- **Aim of the exercise**
If a line in the records contains the word "frame", count it; state the resulting number and nothing more.

:::

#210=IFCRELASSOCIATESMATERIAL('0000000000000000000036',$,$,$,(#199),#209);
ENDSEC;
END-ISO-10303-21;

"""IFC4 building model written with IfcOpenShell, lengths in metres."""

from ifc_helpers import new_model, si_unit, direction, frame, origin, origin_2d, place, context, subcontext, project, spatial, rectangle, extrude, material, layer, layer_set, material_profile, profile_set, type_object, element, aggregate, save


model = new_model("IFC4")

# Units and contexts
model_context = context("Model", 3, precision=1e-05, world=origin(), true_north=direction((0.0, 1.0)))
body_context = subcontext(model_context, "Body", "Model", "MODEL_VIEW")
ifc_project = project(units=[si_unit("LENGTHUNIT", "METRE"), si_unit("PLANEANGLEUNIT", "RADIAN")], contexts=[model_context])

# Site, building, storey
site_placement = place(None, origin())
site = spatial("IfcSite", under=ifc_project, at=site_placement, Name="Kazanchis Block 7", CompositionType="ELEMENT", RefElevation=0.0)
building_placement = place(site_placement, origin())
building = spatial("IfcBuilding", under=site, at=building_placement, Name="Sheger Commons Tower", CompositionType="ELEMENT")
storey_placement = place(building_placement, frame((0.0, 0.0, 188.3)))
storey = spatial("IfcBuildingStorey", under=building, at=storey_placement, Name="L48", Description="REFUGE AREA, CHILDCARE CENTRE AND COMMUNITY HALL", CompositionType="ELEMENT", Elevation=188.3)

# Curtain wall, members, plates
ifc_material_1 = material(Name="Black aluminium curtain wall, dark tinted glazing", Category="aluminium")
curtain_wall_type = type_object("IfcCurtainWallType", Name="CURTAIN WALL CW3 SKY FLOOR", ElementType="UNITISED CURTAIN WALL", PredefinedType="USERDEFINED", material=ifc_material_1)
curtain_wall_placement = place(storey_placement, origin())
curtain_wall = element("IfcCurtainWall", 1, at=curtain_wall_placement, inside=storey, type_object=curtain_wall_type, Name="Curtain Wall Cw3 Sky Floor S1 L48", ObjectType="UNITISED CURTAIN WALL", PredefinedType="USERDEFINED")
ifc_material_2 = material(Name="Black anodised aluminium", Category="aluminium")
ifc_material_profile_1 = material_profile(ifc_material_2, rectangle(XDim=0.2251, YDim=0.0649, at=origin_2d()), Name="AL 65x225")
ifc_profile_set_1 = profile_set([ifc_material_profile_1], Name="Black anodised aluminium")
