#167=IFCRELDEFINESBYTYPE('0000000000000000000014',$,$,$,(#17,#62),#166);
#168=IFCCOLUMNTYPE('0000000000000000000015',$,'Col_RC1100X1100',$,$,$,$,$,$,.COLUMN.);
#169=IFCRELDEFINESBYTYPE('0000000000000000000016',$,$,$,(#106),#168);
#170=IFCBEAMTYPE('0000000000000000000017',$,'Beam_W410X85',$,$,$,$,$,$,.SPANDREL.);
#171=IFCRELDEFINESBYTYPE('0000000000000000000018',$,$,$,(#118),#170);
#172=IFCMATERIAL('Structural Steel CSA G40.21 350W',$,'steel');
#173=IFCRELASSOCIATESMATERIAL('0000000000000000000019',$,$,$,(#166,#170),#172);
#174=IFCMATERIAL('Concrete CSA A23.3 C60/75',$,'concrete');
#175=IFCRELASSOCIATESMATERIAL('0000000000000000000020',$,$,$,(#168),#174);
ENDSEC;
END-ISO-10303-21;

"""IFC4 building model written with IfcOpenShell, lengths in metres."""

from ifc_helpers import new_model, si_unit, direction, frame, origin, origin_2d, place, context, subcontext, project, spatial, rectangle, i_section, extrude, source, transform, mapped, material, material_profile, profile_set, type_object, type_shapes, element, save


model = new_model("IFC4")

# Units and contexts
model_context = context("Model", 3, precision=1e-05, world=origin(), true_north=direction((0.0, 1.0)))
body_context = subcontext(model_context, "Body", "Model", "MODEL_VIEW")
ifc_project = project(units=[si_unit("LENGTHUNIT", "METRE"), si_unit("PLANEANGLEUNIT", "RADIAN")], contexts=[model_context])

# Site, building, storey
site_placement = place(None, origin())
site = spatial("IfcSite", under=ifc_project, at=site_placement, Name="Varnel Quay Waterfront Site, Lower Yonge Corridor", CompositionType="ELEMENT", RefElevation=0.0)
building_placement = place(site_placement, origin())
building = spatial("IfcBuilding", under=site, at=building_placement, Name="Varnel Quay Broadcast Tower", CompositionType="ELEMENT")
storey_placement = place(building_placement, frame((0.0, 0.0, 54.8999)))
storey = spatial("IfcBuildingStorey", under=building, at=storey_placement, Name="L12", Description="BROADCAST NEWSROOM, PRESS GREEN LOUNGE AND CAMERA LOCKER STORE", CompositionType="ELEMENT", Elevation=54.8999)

:::

- **Task response**
4